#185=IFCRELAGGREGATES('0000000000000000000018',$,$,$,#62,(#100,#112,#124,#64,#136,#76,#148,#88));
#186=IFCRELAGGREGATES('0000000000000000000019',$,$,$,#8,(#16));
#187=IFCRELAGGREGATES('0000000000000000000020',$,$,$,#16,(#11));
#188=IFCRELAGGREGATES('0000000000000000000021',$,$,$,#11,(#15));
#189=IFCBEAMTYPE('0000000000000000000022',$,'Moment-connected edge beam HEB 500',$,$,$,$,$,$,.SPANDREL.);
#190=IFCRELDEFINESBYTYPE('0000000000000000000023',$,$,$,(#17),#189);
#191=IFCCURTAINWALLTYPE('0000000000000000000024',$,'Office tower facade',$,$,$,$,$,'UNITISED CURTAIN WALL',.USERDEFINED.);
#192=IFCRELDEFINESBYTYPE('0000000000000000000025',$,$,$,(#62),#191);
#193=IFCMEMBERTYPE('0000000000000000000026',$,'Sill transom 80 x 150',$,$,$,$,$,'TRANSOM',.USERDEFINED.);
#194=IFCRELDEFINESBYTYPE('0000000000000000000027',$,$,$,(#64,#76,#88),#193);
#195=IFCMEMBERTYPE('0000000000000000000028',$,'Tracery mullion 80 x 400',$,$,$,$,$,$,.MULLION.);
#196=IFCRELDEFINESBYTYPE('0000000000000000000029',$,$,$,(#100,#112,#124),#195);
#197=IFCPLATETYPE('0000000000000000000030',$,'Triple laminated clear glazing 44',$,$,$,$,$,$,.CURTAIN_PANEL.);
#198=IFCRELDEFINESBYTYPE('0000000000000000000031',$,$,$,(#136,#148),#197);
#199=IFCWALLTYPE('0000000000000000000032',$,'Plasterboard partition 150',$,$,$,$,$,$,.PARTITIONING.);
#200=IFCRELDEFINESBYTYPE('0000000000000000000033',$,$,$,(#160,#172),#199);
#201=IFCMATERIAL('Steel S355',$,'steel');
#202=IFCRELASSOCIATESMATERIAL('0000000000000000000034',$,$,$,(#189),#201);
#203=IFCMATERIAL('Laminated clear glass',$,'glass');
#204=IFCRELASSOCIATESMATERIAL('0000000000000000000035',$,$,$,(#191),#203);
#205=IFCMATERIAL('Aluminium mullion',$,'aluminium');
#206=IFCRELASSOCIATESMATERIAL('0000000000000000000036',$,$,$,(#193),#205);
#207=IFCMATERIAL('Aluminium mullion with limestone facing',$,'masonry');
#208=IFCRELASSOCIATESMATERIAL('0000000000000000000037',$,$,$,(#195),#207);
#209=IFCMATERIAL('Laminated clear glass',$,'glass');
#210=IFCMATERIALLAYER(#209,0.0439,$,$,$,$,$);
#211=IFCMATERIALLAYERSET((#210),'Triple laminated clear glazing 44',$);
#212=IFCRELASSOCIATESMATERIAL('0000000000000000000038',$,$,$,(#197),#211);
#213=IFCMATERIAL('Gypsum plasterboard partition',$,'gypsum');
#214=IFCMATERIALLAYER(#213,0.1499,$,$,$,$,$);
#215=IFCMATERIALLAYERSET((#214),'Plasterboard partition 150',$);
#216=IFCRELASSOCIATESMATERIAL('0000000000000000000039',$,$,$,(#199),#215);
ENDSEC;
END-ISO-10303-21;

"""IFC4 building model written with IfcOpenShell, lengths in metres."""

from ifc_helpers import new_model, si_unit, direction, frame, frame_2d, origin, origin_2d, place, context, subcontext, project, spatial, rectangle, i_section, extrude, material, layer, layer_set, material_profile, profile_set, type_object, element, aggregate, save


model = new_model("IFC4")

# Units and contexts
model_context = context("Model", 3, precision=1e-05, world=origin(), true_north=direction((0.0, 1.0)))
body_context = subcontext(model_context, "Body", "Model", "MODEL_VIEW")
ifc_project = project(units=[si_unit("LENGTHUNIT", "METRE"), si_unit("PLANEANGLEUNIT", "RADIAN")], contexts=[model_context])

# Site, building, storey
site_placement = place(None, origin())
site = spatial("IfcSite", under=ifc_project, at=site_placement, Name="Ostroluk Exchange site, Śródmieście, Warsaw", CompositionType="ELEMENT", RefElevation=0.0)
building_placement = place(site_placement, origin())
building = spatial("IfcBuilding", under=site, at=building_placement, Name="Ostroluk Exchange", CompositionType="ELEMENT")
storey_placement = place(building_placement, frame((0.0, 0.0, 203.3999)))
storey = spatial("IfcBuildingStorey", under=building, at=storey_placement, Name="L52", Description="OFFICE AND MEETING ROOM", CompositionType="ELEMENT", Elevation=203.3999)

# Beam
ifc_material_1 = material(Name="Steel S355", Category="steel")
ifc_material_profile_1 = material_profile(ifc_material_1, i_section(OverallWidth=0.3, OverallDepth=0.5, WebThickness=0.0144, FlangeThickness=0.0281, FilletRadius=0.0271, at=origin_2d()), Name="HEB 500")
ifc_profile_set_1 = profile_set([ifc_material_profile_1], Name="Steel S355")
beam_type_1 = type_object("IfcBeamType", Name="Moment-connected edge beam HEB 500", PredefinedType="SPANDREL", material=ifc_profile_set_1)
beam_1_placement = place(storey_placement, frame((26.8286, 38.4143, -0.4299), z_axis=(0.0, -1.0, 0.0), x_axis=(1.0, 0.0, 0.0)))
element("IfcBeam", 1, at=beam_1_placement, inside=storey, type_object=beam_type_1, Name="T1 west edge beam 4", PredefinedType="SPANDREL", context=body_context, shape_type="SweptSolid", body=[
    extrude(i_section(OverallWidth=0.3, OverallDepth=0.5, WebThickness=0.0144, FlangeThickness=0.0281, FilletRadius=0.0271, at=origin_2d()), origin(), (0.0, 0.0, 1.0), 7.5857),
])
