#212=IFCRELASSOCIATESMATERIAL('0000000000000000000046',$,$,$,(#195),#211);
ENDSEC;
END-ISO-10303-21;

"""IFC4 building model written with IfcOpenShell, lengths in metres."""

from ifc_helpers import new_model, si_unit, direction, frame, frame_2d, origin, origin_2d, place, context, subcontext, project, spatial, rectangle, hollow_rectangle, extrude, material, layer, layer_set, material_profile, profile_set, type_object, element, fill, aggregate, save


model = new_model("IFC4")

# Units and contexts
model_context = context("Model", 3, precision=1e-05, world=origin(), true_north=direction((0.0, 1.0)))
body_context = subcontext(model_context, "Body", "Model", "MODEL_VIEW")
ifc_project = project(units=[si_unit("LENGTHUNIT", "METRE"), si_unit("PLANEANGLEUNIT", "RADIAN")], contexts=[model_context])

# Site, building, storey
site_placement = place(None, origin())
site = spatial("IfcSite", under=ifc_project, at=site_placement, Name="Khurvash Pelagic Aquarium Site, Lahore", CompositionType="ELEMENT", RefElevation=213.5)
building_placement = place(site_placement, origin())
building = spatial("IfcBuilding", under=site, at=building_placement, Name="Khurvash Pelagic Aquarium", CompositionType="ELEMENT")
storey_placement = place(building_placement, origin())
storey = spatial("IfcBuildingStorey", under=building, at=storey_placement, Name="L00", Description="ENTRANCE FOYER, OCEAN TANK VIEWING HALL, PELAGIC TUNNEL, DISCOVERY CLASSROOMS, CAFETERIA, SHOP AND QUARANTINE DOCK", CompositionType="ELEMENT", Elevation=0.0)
————————
TASK DESCRIPTION:
Only lines containing the word "Steel" should be copied from the material above.

RESULT FOR THIS EXERCISE:
#201=IFCMATERIAL('Steel S355',$,'steel');
ifc_material_1 = material(Name="Steel S355", Category="steel")
ifc_profile_set_1 = profile_set([ifc_material_profile_1], Name="Steel S355")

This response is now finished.